Work task:
From the line below that contains "#142=IFCINDEXEDPOLYGONALFACE((29,33,35,31));" to the line that contains "#149=IFCINDEXEDPOLYGONALFACE((42,44,48,46));", repeat every line exactly, both ends included, and nothing else.

** Opening Records provided block **

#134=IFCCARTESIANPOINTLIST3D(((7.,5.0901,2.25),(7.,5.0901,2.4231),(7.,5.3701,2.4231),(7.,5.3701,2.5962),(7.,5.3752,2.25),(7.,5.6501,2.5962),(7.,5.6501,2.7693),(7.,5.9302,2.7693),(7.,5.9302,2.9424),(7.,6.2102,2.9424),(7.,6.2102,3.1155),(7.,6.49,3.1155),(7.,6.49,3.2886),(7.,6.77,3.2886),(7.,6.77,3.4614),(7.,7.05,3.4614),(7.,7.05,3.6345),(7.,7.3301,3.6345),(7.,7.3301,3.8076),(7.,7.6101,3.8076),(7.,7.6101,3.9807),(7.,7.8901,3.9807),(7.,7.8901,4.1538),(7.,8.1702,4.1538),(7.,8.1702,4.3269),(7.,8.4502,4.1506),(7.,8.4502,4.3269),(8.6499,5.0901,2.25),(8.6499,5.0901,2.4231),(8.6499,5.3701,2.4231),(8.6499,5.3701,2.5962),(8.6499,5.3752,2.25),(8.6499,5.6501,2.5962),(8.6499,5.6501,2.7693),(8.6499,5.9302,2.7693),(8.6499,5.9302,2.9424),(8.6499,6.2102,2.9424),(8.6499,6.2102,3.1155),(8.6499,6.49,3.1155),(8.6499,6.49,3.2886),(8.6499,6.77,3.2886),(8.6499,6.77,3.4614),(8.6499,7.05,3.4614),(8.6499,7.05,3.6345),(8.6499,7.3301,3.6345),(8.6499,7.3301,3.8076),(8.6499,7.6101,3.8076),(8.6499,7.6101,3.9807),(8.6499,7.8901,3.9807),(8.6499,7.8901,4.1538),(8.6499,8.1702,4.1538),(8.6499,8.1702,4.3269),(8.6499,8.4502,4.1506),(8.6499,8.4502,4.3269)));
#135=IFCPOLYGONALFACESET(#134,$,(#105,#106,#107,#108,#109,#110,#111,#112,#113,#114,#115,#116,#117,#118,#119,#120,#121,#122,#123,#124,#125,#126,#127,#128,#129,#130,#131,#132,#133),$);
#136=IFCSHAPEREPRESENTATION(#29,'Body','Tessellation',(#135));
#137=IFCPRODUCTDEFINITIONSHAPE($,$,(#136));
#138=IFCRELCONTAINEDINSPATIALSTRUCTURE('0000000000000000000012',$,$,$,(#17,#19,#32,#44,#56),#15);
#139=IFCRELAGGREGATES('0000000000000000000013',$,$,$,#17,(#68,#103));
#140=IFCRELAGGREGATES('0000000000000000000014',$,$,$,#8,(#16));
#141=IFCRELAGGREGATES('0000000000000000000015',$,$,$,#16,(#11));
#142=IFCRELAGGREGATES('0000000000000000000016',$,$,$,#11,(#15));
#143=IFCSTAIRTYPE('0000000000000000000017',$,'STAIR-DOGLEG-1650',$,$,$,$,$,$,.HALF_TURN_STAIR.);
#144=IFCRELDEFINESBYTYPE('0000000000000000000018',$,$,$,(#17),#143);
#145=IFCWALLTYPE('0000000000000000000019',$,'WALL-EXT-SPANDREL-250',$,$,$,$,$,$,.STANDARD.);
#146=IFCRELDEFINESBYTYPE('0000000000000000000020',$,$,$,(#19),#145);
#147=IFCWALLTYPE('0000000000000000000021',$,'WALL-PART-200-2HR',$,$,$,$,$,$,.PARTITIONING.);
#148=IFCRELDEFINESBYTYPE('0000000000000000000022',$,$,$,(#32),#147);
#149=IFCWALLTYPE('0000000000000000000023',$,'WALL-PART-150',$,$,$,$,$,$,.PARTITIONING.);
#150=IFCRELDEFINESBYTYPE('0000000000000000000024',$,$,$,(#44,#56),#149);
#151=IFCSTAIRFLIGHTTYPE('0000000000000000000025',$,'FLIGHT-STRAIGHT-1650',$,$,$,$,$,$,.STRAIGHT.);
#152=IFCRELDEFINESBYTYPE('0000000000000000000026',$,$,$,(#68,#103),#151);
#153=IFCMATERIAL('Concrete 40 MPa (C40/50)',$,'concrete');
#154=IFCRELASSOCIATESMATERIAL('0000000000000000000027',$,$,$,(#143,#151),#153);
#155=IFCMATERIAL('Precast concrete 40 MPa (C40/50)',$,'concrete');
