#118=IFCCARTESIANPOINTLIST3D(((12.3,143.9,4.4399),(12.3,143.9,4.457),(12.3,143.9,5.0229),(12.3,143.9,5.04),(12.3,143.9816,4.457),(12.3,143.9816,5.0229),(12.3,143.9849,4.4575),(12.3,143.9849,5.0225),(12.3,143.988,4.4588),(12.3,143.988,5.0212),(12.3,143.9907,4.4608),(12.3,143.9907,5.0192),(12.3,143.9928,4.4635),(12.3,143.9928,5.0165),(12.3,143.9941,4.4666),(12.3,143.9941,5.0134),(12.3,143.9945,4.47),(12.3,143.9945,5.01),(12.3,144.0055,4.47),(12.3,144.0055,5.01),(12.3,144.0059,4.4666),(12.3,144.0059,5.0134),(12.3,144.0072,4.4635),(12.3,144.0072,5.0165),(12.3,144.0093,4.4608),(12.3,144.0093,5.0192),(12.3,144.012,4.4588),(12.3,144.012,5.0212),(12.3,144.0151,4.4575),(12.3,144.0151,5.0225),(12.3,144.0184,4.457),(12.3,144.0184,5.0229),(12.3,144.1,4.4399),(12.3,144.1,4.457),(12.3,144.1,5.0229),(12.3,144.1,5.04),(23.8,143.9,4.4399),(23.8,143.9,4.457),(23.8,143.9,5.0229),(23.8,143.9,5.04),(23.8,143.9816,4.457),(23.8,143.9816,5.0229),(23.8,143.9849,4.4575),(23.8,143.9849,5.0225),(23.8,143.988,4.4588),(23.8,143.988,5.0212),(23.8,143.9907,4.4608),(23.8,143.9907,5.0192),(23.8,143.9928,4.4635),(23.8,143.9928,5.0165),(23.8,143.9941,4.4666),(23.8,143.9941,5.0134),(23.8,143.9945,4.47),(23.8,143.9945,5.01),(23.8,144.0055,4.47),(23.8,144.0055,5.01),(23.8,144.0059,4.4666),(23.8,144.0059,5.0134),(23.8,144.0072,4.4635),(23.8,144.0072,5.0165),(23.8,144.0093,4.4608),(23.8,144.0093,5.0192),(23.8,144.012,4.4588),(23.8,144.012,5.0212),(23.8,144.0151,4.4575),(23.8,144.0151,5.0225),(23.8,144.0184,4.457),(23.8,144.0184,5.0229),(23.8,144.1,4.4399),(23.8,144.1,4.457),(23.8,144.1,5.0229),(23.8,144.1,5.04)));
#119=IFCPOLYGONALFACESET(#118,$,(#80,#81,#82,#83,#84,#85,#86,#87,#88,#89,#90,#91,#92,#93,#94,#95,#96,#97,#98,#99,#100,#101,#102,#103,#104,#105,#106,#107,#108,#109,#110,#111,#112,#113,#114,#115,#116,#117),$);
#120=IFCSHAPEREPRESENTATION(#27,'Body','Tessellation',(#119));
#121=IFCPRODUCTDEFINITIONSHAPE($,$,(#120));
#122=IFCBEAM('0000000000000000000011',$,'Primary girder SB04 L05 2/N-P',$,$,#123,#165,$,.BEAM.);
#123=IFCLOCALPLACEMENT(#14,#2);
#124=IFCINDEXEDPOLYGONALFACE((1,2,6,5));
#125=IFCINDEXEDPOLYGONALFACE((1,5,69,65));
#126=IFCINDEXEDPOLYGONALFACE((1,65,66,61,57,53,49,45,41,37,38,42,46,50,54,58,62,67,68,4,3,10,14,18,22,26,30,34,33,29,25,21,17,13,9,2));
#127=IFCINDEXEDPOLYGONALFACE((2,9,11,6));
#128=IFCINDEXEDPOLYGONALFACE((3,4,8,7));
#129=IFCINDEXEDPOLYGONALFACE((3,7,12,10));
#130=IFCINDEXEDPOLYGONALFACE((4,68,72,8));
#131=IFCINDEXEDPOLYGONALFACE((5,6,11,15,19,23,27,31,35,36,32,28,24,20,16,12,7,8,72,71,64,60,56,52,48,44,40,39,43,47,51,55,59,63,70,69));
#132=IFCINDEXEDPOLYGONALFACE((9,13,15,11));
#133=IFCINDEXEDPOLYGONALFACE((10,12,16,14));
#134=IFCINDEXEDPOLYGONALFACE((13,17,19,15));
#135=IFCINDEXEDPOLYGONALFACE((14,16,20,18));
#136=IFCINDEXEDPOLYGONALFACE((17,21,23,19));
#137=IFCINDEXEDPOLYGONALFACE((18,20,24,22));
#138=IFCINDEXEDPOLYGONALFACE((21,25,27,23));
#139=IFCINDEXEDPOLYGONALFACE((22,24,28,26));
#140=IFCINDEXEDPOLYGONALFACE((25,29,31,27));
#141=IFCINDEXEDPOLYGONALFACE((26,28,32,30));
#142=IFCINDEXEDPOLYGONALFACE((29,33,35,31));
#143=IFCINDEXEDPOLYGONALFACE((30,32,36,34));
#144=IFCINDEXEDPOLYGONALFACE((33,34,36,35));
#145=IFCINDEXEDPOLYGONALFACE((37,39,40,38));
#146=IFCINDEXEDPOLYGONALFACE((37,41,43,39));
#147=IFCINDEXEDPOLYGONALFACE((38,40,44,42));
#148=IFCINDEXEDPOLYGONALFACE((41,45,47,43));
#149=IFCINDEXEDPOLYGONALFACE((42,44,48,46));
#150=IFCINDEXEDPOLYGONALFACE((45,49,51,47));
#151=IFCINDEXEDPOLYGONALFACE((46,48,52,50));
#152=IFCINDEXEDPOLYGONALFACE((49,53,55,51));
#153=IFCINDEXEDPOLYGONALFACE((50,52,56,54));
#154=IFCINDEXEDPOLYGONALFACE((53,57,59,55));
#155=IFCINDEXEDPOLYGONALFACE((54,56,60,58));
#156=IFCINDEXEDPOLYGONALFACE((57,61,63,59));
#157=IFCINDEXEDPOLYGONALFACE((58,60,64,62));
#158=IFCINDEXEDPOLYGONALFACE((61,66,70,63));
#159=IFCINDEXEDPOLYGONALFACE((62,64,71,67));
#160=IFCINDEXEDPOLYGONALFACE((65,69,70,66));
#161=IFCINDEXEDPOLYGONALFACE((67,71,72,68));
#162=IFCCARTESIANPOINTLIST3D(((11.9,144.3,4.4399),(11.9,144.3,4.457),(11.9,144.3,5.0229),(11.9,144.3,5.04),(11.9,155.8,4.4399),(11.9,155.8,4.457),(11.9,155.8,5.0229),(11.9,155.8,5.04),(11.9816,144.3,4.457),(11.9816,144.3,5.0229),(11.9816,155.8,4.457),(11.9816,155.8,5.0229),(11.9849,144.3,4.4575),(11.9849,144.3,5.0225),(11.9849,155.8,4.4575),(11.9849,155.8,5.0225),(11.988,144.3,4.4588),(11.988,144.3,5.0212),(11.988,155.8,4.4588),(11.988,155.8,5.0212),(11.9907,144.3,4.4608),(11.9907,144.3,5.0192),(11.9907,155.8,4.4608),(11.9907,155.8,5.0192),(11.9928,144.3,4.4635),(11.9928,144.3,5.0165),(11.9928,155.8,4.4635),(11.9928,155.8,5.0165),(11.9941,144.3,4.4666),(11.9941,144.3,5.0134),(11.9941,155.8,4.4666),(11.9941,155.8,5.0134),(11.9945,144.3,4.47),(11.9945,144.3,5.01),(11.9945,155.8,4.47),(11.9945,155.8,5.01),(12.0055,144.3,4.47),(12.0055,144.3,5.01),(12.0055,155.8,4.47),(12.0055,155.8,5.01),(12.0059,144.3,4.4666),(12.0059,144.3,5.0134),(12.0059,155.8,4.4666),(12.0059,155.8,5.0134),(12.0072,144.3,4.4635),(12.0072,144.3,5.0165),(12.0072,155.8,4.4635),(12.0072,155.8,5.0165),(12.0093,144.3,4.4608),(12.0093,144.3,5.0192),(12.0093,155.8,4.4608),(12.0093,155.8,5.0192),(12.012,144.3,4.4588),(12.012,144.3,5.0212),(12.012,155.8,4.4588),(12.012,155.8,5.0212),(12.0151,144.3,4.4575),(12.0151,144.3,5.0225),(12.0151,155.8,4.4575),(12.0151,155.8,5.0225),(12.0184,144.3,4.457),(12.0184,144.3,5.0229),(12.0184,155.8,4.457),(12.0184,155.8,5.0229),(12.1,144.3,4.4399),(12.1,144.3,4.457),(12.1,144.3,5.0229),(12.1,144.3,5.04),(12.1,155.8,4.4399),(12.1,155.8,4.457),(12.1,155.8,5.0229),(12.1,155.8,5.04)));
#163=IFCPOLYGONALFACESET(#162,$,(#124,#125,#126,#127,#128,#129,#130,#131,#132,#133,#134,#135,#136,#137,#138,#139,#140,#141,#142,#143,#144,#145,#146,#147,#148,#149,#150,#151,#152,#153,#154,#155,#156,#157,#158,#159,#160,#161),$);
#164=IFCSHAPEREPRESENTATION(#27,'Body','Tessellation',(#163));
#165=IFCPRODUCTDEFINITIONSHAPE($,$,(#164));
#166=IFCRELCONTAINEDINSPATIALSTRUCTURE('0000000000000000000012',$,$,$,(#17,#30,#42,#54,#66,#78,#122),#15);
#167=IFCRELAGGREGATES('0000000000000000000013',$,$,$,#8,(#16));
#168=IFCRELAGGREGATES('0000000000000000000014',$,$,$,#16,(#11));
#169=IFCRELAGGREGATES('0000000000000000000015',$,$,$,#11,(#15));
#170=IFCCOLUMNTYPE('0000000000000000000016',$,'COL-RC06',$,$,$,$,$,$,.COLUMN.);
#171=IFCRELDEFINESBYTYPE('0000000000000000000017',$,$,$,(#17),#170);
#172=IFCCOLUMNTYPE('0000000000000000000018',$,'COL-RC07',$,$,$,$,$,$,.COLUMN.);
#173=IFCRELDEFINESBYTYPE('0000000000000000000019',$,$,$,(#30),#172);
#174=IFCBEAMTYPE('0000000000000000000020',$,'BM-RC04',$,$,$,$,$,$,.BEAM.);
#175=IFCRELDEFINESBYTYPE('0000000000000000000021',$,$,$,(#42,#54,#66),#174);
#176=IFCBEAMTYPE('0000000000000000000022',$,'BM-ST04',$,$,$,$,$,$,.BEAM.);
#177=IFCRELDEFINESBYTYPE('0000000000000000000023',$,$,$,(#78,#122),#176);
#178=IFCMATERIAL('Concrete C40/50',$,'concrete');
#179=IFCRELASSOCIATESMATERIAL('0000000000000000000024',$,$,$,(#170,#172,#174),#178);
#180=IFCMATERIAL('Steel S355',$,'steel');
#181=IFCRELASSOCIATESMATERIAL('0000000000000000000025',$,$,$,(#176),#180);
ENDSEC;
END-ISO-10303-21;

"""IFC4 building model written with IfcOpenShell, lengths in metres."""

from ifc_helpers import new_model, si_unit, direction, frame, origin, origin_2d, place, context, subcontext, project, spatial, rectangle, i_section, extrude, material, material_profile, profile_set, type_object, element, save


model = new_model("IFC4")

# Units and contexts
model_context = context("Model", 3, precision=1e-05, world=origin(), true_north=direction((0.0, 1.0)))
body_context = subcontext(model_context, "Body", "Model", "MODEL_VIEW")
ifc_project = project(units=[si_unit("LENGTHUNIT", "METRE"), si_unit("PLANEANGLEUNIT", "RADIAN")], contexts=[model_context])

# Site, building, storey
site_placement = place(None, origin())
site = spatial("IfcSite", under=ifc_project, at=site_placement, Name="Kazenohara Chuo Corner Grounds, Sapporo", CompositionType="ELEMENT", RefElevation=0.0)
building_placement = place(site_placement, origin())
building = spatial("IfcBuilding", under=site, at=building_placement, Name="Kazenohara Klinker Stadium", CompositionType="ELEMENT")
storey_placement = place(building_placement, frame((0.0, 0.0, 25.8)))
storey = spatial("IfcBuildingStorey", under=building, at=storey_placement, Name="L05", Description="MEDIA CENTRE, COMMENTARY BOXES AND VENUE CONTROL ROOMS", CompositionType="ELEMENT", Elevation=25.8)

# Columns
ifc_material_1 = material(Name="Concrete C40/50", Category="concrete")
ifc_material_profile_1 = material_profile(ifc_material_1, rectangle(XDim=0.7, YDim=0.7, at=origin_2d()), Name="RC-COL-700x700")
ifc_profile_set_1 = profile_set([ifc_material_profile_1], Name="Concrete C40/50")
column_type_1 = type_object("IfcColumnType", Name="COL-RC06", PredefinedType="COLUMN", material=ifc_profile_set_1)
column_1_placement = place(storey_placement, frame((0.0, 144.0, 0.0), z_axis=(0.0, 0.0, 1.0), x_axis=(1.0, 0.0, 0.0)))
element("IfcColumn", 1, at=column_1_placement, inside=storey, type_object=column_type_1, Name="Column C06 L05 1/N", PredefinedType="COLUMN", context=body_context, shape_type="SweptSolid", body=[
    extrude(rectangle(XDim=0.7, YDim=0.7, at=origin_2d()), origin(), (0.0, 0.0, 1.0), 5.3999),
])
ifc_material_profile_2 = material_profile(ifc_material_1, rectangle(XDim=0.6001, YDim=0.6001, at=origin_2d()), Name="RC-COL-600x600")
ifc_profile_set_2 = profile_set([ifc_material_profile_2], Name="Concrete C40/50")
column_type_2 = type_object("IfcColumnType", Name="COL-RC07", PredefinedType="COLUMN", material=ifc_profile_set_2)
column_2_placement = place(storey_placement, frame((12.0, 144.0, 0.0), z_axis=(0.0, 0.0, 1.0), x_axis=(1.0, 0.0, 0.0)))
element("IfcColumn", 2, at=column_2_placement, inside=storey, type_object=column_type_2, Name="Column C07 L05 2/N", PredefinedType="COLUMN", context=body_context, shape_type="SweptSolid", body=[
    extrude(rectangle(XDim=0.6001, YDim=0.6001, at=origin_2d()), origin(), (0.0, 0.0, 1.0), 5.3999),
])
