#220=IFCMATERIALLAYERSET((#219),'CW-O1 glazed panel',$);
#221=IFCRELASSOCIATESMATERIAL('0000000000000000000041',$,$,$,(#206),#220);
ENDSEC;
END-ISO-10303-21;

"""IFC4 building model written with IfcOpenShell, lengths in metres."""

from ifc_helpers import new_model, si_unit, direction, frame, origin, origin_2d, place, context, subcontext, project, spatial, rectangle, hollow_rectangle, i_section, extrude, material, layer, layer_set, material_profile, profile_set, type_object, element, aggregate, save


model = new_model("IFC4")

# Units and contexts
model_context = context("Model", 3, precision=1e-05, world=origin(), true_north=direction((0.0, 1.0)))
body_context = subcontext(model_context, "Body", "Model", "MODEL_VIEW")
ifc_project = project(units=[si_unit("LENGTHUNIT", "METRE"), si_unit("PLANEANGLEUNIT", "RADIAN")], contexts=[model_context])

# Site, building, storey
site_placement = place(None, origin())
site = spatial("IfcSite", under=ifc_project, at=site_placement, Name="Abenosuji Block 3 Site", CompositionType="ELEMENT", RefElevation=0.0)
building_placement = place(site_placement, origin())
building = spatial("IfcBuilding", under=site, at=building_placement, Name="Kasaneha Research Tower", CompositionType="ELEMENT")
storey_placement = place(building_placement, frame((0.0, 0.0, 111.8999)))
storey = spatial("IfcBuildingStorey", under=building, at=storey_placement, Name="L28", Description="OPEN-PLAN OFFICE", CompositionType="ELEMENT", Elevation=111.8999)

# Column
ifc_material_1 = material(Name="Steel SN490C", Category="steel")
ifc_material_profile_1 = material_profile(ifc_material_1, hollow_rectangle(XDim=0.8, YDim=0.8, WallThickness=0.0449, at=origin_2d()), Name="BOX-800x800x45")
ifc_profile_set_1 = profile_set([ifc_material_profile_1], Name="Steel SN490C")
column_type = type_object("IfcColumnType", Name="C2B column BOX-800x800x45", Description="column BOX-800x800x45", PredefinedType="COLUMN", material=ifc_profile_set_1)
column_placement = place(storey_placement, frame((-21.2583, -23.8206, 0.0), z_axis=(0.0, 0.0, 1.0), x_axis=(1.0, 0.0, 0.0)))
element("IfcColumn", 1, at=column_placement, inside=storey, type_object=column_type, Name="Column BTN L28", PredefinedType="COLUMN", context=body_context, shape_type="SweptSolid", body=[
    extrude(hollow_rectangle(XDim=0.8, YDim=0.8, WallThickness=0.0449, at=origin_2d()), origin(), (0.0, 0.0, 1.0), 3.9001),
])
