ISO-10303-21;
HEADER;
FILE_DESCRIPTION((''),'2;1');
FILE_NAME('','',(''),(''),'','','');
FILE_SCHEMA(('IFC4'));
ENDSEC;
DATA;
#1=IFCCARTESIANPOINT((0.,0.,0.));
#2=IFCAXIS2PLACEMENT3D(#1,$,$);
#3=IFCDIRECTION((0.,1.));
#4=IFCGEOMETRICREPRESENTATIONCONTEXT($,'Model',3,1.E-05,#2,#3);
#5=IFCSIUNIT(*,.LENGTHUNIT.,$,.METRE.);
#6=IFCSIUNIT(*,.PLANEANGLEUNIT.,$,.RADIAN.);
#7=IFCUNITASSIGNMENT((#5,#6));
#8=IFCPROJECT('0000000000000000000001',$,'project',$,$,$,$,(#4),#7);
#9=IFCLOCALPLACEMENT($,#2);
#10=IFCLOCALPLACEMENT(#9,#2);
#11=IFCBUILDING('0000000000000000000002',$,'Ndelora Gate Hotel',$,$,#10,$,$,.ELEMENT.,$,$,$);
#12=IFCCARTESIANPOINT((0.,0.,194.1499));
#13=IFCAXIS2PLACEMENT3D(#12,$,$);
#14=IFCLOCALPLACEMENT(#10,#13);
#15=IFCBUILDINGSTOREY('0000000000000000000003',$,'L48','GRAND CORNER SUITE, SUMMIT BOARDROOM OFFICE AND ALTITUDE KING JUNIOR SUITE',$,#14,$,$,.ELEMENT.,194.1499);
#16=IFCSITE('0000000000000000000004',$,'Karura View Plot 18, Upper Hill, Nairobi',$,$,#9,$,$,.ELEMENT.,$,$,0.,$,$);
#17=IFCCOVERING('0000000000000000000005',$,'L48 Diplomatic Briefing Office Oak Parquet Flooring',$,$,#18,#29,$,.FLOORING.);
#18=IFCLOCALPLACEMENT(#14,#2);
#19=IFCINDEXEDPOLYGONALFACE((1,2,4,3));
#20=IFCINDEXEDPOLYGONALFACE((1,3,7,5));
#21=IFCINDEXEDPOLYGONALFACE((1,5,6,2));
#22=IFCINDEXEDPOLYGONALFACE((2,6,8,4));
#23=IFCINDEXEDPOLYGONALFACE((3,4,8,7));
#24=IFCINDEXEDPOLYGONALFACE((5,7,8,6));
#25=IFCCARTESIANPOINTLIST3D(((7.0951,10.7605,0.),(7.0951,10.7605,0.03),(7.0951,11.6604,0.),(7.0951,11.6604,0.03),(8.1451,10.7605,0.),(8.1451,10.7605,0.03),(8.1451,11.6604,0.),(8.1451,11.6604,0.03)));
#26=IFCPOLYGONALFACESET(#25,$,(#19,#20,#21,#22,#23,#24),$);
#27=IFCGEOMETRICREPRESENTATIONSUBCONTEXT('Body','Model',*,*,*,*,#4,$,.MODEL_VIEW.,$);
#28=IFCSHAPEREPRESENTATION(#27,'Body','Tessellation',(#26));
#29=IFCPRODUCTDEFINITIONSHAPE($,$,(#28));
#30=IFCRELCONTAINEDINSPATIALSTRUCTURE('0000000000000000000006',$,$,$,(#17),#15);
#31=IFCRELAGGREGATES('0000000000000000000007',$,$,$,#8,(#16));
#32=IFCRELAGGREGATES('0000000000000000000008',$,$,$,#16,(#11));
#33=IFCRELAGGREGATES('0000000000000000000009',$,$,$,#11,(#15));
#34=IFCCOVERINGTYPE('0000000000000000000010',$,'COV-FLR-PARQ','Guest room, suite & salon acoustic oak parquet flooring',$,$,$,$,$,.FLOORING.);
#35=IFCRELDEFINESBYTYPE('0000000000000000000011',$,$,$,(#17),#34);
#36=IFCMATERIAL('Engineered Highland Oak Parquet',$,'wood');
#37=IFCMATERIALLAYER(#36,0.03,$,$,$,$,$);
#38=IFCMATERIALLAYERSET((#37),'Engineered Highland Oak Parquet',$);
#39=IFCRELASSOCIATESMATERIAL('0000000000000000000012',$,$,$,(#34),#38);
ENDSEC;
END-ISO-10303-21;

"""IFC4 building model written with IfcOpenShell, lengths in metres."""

from ifc_helpers import new_model, si_unit, direction, frame, origin, origin_2d, place, context, subcontext, project, spatial, rectangle, extrude, material, layer, layer_set, type_object, element, save


model = new_model("IFC4")

# Units and contexts
model_context = context("Model", 3, precision=1e-05, world=origin(), true_north=direction((0.0, 1.0)))
body_context = subcontext(model_context, "Body", "Model", "MODEL_VIEW")
ifc_project = project(units=[si_unit("LENGTHUNIT", "METRE"), si_unit("PLANEANGLEUNIT", "RADIAN")], contexts=[model_context])

# Site, building, storey
site_placement = place(None, origin())
site = spatial("IfcSite", under=ifc_project, at=site_placement, Name="Karura View Plot 18, Upper Hill, Nairobi", CompositionType="ELEMENT", RefElevation=0.0)
building_placement = place(site_placement, origin())
building = spatial("IfcBuilding", under=site, at=building_placement, Name="Ndelora Gate Hotel", CompositionType="ELEMENT")
storey_placement = place(building_placement, frame((0.0, 0.0, 194.1499)))
storey = spatial("IfcBuildingStorey", under=building, at=storey_placement, Name="L48", Description="GRAND CORNER SUITE, SUMMIT BOARDROOM OFFICE AND ALTITUDE KING JUNIOR SUITE", CompositionType="ELEMENT", Elevation=194.1499)

# Covering
ifc_material_1 = material(Name="Engineered Highland Oak Parquet", Category="wood")
ifc_layer_1 = layer(ifc_material_1, 0.03)
ifc_layer_set_1 = layer_set([ifc_layer_1], Name="Engineered Highland Oak Parquet")
covering_type_1 = type_object("IfcCoveringType", Name="COV-FLR-PARQ", Description="Guest room, suite & salon acoustic oak parquet flooring", PredefinedType="FLOORING", material=ifc_layer_set_1)
covering_1_placement = place(storey_placement, frame((7.6201, 11.2104, 0.0), z_axis=(0.0, 0.0, 1.0), x_axis=(1.0, 0.0, 0.0)))
element("IfcCovering", 1, at=covering_1_placement, inside=storey, type_object=covering_type_1, Name="L48 Diplomatic Briefing Office Oak Parquet Flooring", PredefinedType="FLOORING", context=body_context, shape_type="SweptSolid", body=[
    extrude(rectangle(XDim=1.05, YDim=0.8999, at=origin_2d()), origin(), (0.0, 0.0, 1.0), 0.03),
])

save(model, "model.ifc")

** Closing Records provided block **

Answer to the problem:
#142=IFCINDEXEDPOLYGONALFACE((29,33,35,31));
#143=IFCINDEXEDPOLYGONALFACE((30,32,36,34));
#144=IFCINDEXEDPOLYGONALFACE((33,34,36,35));
#145=IFCINDEXEDPOLYGONALFACE((37,39,40,38));
#146=IFCINDEXEDPOLYGONALFACE((37,41,43,39));
#147=IFCINDEXEDPOLYGONALFACE((38,40,44,42));
#148=IFCINDEXEDPOLYGONALFACE((41,45,47,43));
#149=IFCINDEXEDPOLYGONALFACE((42,44,48,46));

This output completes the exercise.